# Data records
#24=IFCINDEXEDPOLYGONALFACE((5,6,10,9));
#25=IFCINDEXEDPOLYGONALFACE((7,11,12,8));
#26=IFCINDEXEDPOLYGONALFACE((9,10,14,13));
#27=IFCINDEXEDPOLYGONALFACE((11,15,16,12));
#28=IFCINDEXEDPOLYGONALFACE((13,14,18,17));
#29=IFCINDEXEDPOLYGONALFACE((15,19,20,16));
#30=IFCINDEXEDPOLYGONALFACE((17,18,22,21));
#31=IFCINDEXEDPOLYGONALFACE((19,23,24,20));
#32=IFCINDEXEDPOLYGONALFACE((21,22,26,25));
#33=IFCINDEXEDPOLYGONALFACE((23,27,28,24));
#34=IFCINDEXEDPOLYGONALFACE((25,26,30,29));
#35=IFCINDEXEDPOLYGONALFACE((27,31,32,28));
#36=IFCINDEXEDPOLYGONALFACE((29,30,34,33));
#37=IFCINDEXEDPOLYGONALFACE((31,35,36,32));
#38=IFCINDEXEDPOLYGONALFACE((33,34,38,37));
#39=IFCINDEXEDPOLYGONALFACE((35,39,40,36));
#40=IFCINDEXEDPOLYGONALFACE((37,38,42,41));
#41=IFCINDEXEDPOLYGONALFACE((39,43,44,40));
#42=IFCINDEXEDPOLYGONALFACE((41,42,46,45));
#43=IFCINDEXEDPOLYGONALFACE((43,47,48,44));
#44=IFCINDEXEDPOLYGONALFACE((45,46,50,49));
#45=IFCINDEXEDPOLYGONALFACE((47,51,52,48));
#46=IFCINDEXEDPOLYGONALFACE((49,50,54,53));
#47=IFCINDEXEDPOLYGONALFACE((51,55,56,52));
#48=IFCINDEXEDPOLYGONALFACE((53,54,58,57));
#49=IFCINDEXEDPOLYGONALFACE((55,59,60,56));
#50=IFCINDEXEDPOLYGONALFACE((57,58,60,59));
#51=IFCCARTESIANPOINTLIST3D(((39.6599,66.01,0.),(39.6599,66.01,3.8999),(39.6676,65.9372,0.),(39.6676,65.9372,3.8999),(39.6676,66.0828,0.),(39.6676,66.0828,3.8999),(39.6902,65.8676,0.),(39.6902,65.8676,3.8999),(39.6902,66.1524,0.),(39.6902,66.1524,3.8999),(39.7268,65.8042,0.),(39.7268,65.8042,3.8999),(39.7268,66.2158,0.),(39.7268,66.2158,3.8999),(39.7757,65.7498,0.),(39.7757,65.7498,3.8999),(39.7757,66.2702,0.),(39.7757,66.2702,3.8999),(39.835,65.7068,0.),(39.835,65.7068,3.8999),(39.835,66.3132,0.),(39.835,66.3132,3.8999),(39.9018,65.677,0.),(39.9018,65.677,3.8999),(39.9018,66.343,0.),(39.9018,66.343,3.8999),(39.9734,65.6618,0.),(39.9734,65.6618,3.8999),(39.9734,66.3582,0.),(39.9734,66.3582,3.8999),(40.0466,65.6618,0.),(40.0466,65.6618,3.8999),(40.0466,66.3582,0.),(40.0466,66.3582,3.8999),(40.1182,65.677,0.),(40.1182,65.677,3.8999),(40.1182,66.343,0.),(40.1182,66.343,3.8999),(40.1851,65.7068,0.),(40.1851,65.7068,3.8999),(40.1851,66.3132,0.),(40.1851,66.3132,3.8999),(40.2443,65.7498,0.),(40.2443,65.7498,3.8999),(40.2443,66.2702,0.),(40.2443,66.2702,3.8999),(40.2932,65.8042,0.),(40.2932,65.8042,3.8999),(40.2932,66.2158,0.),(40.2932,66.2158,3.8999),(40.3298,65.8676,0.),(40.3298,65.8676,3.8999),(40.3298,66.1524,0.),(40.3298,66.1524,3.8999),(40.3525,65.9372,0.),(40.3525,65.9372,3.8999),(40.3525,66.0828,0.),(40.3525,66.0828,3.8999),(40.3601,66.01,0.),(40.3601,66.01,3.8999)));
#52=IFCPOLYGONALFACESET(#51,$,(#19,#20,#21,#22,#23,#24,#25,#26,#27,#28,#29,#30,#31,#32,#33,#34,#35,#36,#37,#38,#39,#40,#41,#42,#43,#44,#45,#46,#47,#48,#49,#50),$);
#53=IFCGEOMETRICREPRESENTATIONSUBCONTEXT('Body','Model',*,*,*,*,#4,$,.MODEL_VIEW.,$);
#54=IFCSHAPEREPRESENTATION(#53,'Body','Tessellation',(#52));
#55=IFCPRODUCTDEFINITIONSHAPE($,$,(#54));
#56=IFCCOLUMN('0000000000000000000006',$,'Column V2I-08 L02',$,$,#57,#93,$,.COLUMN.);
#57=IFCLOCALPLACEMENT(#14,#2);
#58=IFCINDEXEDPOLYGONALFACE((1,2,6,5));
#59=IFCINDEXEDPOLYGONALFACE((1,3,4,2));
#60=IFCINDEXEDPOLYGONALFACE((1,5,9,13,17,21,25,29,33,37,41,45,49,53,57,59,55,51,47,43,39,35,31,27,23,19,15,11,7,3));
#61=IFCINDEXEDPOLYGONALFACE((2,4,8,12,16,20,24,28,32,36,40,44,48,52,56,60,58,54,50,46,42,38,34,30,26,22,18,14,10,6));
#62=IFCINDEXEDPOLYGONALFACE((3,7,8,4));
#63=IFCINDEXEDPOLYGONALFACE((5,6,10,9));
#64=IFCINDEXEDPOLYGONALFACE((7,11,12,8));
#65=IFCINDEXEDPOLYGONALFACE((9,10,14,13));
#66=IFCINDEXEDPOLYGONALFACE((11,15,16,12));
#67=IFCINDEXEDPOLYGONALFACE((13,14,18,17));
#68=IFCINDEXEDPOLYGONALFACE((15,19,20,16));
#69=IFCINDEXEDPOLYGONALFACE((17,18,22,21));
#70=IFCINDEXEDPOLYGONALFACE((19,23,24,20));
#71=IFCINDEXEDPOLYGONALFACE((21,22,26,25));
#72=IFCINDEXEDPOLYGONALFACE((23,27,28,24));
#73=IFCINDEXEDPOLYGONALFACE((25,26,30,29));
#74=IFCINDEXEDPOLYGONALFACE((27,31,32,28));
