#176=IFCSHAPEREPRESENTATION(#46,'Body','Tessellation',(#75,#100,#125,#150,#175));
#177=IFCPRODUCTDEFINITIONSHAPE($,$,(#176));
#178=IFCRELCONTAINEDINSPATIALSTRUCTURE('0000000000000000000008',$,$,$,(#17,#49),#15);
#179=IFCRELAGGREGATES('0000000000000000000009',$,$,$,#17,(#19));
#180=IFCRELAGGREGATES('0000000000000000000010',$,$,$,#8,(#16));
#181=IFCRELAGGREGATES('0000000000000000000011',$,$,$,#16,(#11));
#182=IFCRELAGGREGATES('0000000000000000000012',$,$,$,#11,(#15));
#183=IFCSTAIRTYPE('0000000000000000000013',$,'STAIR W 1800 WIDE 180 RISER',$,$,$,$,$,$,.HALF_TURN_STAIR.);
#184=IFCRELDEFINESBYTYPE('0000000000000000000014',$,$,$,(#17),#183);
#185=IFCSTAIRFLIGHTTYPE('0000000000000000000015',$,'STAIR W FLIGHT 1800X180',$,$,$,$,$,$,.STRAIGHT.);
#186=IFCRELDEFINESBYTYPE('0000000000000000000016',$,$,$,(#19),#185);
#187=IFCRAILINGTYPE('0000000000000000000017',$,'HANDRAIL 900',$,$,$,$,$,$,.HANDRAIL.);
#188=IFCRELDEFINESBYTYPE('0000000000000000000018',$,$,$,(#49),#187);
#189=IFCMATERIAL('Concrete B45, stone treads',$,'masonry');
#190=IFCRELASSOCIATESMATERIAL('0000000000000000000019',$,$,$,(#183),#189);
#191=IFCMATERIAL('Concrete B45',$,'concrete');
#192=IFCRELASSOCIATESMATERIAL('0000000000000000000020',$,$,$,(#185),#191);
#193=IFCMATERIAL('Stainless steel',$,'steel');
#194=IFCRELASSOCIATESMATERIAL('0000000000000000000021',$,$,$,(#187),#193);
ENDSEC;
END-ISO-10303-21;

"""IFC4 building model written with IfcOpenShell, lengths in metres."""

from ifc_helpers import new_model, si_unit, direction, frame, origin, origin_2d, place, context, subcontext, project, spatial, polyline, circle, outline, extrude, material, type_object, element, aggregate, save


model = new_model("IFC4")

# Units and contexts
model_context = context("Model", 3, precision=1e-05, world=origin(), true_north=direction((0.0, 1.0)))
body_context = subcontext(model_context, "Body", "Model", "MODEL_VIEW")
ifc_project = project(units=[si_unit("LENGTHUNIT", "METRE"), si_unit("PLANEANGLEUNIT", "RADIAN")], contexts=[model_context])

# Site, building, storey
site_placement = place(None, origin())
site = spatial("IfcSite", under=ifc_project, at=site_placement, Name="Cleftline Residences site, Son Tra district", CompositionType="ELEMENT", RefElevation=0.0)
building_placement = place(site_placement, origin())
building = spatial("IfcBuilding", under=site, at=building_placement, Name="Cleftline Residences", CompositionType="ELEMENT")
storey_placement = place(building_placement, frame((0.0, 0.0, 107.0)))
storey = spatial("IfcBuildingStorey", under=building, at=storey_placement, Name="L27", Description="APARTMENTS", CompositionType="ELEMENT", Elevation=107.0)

--

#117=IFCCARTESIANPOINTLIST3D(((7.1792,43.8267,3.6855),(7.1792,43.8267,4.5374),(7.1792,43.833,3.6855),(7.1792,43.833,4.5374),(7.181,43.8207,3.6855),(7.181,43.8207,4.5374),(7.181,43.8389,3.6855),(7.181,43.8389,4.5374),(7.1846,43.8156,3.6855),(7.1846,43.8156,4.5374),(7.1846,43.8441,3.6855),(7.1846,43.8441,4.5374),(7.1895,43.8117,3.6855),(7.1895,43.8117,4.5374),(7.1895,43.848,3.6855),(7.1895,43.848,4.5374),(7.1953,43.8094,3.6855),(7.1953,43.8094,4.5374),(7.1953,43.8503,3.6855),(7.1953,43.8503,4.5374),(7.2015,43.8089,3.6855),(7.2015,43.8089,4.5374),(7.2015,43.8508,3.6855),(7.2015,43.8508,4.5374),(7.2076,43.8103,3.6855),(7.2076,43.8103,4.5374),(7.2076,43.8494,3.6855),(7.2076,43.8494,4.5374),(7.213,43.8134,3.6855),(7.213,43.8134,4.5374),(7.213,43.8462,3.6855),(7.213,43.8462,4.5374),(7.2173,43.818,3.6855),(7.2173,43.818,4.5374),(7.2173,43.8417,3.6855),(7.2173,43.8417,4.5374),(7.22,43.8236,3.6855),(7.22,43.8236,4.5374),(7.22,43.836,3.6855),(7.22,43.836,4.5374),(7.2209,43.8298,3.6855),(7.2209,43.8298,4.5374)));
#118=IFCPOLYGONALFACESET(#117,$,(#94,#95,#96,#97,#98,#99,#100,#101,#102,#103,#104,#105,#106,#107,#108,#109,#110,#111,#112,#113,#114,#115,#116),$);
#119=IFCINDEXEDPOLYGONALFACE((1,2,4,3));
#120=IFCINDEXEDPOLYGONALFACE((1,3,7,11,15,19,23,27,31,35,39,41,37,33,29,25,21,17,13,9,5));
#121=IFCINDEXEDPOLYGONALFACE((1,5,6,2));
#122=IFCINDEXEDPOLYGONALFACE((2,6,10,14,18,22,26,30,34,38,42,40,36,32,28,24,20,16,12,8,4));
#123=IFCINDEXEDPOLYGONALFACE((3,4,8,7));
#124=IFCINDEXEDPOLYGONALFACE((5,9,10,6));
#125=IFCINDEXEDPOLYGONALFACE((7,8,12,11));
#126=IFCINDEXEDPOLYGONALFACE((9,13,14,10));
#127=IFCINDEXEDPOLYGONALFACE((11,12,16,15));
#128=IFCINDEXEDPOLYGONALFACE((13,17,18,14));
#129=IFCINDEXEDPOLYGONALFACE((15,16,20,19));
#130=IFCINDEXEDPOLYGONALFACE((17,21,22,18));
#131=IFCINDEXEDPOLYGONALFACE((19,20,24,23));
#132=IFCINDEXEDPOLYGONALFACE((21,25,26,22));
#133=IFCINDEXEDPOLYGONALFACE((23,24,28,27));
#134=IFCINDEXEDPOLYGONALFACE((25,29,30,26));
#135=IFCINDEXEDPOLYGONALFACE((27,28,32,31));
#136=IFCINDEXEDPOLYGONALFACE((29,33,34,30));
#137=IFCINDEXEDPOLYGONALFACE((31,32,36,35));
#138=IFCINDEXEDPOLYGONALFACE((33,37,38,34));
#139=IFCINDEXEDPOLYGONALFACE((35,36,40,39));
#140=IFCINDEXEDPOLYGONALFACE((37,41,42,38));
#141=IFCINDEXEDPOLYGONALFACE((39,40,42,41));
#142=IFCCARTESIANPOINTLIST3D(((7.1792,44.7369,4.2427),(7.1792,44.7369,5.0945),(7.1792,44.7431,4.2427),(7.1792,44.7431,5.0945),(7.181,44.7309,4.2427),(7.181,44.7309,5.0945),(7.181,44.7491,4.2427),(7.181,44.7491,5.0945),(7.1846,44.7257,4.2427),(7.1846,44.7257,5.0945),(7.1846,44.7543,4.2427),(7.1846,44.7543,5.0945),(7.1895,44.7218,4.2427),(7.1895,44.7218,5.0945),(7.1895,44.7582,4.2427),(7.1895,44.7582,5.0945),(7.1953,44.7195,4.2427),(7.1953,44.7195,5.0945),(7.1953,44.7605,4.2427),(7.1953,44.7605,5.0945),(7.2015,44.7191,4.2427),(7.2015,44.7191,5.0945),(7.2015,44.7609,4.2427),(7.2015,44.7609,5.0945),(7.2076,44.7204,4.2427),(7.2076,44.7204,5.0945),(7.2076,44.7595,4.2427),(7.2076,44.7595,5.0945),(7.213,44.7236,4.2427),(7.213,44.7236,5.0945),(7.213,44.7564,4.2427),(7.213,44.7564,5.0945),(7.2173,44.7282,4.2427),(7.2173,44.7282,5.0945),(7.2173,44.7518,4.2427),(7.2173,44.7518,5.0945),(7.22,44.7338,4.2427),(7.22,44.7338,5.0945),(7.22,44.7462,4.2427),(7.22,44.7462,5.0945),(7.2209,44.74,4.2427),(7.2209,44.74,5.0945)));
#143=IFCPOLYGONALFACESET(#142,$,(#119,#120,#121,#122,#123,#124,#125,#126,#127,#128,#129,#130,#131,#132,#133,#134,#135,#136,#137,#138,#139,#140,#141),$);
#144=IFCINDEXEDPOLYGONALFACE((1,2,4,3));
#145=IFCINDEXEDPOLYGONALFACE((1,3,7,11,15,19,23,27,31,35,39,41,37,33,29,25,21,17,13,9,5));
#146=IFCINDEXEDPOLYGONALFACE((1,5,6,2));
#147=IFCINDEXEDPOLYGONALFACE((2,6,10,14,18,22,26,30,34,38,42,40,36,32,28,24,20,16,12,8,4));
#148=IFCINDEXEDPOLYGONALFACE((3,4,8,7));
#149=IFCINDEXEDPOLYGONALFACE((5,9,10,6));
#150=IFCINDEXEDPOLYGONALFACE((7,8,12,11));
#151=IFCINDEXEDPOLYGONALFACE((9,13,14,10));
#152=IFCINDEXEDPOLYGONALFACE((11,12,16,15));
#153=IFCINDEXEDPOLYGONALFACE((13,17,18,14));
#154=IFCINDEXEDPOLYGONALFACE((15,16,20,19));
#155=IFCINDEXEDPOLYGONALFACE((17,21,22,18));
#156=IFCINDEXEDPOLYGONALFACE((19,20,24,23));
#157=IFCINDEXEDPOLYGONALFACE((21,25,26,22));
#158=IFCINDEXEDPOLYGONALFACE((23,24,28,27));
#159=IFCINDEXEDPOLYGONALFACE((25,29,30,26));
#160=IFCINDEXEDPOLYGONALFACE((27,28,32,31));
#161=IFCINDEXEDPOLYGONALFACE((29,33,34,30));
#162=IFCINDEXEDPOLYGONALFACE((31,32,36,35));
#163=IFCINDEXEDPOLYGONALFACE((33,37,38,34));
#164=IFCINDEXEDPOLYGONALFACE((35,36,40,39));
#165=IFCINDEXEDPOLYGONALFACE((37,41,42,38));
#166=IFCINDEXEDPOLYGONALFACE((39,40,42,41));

# Assignment
Both end lines included, restate word for word the lines above from the line with "#133=IFCINDEXEDPOLYGONALFACE((23,24,28,27));" to the line with "#140=IFCINDEXEDPOLYGONALFACE((37,41,42,38));", and nothing else.

# Output
#133=IFCINDEXEDPOLYGONALFACE((23,24,28,27));
#134=IFCINDEXEDPOLYGONALFACE((25,29,30,26));
#135=IFCINDEXEDPOLYGONALFACE((27,28,32,31));
#136=IFCINDEXEDPOLYGONALFACE((29,33,34,30));
#137=IFCINDEXEDPOLYGONALFACE((31,32,36,35));
#138=IFCINDEXEDPOLYGONALFACE((33,37,38,34));
#139=IFCINDEXEDPOLYGONALFACE((35,36,40,39));
#140=IFCINDEXEDPOLYGONALFACE((37,41,42,38));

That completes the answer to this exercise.